Exercise data section start
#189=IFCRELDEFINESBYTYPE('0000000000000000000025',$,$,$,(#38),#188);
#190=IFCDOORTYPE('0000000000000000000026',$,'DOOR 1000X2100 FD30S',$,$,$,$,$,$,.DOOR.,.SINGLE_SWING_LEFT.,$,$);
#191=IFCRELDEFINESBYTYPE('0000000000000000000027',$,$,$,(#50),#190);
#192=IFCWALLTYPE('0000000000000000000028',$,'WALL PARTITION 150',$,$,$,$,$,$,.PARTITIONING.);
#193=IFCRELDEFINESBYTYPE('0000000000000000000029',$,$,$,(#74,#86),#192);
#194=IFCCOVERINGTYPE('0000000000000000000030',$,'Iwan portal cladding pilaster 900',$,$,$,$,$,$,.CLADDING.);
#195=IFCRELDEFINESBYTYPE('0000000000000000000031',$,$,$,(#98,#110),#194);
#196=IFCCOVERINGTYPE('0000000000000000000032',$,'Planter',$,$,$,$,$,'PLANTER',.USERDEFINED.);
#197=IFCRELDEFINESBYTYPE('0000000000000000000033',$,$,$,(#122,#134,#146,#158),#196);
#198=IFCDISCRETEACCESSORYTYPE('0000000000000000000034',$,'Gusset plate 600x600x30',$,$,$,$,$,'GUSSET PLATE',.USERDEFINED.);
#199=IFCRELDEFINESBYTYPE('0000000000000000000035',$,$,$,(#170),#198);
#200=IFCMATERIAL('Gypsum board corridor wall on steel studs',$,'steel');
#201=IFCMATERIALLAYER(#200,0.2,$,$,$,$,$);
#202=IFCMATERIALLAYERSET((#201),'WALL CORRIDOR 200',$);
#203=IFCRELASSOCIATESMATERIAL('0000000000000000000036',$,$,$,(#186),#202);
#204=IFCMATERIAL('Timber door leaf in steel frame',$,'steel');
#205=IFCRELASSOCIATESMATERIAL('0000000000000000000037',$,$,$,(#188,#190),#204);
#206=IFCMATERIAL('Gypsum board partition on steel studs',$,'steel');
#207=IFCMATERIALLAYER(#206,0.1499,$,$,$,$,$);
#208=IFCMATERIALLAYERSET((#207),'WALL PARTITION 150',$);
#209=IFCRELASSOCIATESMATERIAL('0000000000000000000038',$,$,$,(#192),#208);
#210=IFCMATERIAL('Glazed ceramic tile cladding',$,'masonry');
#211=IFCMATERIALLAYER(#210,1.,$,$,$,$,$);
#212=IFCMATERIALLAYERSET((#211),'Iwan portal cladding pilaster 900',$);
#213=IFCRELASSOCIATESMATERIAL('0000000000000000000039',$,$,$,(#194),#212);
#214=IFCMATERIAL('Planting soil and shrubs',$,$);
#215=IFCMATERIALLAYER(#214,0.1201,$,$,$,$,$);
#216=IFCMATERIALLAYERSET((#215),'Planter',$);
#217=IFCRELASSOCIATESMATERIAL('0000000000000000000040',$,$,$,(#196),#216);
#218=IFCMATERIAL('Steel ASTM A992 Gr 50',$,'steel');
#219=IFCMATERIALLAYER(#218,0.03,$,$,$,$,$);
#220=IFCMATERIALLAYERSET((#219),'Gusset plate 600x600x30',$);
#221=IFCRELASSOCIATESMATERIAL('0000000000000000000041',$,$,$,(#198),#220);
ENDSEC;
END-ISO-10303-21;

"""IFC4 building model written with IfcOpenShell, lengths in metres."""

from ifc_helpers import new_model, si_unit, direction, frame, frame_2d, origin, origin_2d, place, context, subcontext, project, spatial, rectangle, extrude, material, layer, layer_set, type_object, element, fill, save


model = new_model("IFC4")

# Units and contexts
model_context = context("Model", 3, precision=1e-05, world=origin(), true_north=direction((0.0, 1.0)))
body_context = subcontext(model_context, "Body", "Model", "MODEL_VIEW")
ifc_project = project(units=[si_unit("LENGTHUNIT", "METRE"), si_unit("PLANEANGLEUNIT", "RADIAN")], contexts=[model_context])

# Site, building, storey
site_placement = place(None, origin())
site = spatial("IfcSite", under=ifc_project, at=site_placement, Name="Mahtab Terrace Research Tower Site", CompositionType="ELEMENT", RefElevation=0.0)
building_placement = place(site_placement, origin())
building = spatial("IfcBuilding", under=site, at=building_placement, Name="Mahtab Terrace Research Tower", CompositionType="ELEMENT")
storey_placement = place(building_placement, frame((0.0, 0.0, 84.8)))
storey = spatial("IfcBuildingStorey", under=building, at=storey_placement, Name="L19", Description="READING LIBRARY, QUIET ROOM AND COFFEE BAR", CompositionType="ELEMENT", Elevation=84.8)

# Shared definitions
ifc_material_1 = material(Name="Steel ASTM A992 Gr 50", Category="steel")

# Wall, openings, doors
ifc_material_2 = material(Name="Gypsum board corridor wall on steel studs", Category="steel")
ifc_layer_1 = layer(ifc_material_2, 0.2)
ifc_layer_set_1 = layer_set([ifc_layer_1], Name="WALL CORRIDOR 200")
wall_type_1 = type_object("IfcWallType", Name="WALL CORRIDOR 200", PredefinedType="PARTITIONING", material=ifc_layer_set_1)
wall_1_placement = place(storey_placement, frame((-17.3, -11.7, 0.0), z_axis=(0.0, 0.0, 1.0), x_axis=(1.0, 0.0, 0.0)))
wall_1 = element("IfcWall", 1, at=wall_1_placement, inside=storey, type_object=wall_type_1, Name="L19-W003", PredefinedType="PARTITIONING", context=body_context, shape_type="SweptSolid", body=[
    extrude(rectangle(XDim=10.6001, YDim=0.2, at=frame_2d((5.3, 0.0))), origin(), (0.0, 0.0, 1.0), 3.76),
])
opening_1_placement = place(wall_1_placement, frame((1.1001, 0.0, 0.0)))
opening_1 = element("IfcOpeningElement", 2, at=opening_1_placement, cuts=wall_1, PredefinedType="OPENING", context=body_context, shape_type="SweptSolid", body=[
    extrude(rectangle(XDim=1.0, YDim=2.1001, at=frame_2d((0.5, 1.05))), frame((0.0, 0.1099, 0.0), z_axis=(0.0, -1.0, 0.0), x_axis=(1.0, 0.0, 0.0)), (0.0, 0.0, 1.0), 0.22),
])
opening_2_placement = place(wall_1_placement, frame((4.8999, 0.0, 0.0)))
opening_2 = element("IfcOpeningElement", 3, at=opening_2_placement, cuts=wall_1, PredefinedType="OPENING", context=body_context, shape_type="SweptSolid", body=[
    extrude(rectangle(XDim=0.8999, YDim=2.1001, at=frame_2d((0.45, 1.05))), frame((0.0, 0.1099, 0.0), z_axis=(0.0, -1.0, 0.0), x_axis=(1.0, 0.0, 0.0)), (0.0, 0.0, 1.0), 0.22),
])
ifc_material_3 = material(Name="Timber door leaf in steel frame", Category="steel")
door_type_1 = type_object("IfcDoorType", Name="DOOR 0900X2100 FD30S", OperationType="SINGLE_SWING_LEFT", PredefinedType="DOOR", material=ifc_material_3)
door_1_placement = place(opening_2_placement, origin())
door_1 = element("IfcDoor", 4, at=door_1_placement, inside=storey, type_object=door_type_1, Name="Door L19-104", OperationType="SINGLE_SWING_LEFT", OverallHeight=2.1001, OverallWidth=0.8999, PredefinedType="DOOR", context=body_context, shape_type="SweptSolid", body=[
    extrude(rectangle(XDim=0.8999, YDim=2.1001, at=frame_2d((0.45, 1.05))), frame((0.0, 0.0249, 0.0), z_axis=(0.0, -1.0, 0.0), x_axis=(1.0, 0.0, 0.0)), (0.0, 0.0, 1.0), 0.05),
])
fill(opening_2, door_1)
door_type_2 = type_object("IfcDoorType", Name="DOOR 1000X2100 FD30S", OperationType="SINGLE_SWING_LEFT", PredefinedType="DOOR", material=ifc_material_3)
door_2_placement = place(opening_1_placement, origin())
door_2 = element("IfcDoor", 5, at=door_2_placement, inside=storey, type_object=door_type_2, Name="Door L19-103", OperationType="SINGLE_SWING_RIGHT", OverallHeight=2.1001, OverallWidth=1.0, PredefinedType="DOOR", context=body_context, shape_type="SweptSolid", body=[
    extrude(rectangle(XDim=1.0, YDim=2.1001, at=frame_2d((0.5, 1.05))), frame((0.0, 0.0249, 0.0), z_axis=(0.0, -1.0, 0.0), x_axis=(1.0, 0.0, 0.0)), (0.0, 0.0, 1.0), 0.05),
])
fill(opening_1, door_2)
Exercise data section end
Exercise data section start
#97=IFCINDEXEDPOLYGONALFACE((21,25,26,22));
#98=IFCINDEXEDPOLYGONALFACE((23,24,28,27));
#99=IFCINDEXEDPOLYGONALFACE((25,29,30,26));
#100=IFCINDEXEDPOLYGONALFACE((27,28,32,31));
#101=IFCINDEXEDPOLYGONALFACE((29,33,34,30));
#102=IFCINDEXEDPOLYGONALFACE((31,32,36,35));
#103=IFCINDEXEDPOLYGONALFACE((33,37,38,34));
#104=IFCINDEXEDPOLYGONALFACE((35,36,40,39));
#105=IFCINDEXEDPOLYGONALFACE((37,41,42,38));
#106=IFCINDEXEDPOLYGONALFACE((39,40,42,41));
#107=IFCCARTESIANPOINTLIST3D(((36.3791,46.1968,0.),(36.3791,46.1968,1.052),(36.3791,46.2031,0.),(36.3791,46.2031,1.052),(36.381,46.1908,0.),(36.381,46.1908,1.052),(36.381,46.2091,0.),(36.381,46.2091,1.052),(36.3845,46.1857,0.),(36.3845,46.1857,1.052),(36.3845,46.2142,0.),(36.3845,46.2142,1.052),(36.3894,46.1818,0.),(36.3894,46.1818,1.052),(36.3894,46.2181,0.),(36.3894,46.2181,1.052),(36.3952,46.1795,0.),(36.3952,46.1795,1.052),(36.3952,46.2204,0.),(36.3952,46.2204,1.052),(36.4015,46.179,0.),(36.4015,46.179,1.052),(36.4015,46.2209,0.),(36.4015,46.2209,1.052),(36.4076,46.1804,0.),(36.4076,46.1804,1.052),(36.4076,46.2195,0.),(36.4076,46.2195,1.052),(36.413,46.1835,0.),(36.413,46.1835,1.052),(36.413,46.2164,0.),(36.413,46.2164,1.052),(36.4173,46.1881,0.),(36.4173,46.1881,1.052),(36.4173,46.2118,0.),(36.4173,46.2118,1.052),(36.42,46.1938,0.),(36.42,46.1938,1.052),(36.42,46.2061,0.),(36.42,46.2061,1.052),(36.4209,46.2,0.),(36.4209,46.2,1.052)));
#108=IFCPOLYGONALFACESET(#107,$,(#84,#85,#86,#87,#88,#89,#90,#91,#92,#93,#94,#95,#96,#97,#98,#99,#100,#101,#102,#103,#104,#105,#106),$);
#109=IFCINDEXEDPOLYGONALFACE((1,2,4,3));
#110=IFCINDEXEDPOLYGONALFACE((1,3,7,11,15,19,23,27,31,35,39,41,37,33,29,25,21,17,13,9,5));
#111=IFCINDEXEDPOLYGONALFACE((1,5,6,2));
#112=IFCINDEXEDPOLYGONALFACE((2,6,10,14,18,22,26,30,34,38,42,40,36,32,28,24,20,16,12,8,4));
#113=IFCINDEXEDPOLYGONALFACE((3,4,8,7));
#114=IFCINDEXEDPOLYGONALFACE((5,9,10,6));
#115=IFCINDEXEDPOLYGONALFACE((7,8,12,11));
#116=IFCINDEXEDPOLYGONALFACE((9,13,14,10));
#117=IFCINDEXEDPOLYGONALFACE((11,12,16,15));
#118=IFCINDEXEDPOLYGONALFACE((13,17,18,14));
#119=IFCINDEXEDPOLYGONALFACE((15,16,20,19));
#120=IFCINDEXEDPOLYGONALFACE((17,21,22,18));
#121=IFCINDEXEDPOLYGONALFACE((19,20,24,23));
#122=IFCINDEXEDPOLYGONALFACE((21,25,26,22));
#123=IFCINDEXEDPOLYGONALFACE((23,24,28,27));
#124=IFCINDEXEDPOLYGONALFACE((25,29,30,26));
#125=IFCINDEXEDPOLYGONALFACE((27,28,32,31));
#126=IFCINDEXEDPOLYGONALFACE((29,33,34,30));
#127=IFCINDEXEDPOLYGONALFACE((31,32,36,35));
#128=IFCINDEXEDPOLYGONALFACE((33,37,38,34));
Exercise data section end
Exercise data section start
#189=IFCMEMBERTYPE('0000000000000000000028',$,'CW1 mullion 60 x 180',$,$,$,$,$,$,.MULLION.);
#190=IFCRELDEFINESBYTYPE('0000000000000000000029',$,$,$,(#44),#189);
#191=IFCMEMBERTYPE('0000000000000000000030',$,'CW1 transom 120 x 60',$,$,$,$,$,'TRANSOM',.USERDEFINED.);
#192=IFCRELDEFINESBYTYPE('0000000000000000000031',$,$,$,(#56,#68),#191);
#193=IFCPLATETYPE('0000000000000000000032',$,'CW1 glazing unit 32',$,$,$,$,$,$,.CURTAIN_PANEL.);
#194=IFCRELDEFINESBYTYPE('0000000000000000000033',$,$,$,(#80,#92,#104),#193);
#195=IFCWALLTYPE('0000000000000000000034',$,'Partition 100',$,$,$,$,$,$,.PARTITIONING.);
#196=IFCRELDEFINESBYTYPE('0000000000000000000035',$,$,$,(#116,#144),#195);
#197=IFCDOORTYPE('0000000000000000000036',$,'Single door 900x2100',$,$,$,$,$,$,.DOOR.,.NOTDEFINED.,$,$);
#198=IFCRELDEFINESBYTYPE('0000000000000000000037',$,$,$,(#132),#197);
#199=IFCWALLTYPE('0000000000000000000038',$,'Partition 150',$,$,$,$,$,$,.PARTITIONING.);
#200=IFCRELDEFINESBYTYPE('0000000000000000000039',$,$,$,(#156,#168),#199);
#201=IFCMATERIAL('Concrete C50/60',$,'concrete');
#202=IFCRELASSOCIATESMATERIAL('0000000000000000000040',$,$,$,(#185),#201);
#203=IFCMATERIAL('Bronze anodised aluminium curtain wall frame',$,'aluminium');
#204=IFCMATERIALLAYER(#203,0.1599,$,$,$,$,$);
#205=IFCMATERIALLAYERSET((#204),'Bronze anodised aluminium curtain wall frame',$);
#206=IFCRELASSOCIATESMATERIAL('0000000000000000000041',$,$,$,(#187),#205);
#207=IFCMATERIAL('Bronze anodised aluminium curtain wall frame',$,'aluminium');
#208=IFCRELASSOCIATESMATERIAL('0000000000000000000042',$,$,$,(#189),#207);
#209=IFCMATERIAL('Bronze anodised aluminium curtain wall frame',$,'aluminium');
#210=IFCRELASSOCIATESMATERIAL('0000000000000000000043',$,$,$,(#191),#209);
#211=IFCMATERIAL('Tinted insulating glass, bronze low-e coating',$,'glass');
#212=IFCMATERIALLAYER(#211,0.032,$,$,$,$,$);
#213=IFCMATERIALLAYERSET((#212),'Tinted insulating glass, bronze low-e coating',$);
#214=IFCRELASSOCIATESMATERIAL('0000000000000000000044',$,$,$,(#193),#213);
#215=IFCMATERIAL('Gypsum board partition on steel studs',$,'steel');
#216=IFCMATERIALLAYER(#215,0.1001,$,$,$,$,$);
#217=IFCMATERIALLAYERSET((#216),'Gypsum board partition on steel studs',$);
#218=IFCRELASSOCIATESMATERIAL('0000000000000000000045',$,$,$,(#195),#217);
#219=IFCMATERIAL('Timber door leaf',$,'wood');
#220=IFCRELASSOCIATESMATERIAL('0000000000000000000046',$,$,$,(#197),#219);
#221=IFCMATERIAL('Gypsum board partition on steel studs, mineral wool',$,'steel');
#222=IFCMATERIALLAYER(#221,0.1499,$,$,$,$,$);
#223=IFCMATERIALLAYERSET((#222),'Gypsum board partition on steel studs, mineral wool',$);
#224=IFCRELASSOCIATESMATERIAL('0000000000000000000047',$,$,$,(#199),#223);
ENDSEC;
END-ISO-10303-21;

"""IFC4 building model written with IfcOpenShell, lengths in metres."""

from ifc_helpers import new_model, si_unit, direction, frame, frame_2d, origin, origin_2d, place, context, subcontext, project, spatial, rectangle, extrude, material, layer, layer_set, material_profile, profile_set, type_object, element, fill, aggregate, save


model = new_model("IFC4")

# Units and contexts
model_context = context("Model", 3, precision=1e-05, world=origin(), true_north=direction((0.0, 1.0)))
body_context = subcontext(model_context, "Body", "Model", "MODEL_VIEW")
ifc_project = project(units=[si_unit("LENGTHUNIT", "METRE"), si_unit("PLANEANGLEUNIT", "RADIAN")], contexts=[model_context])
Exercise data section end
▶ **Problem details**
In the entries above, the lines from the one bearing "#101=IFCINDEXEDPOLYGONALFACE((29,33,34,30));" up to and including the one bearing "#106=IFCINDEXEDPOLYGONALFACE((39,40,42,41));" should be transcribed exactly; no other line is wanted.

▶ **Reply**
#101=IFCINDEXEDPOLYGONALFACE((29,33,34,30));
#102=IFCINDEXEDPOLYGONALFACE((31,32,36,35));
#103=IFCINDEXEDPOLYGONALFACE((33,37,38,34));
#104=IFCINDEXEDPOLYGONALFACE((35,36,40,39));
#105=IFCINDEXEDPOLYGONALFACE((37,41,42,38));
#106=IFCINDEXEDPOLYGONALFACE((39,40,42,41));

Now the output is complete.